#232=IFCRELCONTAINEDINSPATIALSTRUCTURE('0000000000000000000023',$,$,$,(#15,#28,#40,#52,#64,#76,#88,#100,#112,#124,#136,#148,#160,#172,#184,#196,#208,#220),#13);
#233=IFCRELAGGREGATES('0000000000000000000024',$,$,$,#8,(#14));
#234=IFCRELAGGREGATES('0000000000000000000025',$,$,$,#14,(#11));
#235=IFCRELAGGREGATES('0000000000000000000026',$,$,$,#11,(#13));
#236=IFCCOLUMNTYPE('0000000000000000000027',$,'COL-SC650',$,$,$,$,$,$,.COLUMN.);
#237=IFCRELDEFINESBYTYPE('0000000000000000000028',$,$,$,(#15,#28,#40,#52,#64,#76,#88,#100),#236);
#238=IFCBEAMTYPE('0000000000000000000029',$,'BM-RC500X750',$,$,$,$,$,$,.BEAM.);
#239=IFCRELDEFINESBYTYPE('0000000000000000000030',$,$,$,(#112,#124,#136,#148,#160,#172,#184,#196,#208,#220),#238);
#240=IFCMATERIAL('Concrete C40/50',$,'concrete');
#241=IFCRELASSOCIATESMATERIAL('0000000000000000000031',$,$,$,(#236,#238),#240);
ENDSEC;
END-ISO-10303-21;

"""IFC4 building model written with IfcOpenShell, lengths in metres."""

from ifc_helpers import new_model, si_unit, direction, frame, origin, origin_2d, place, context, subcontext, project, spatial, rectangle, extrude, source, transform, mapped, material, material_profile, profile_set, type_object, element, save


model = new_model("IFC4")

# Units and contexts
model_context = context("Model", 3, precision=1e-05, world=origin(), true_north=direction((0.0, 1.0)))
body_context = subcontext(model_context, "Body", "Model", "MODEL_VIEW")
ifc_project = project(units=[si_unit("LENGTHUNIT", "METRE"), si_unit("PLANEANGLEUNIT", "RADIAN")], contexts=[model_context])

▶ [TASK] The material must be duplicated in full, with each line kept exact.

▶ [EXERCISE RESULT]
#232=IFCRELCONTAINEDINSPATIALSTRUCTURE('0000000000000000000023',$,$,$,(#15,#28,#40,#52,#64,#76,#88,#100,#112,#124,#136,#148,#160,#172,#184,#196,#208,#220),#13);
#233=IFCRELAGGREGATES('0000000000000000000024',$,$,$,#8,(#14));
#234=IFCRELAGGREGATES('0000000000000000000025',$,$,$,#14,(#11));
#235=IFCRELAGGREGATES('0000000000000000000026',$,$,$,#11,(#13));
#236=IFCCOLUMNTYPE('0000000000000000000027',$,'COL-SC650',$,$,$,$,$,$,.COLUMN.);
#237=IFCRELDEFINESBYTYPE('0000000000000000000028',$,$,$,(#15,#28,#40,#52,#64,#76,#88,#100),#236);
#238=IFCBEAMTYPE('0000000000000000000029',$,'BM-RC500X750',$,$,$,$,$,$,.BEAM.);
#239=IFCRELDEFINESBYTYPE('0000000000000000000030',$,$,$,(#112,#124,#136,#148,#160,#172,#184,#196,#208,#220),#238);
#240=IFCMATERIAL('Concrete C40/50',$,'concrete');
#241=IFCRELASSOCIATESMATERIAL('0000000000000000000031',$,$,$,(#236,#238),#240);
ENDSEC;
END-ISO-10303-21;

"""IFC4 building model written with IfcOpenShell, lengths in metres."""

from ifc_helpers import new_model, si_unit, direction, frame, origin, origin_2d, place, context, subcontext, project, spatial, rectangle, extrude, source, transform, mapped, material, material_profile, profile_set, type_object, element, save


model = new_model("IFC4")

# Units and contexts
model_context = context("Model", 3, precision=1e-05, world=origin(), true_north=direction((0.0, 1.0)))
body_context = subcontext(model_context, "Body", "Model", "MODEL_VIEW")
ifc_project = project(units=[si_unit("LENGTHUNIT", "METRE"), si_unit("PLANEANGLEUNIT", "RADIAN")], contexts=[model_context])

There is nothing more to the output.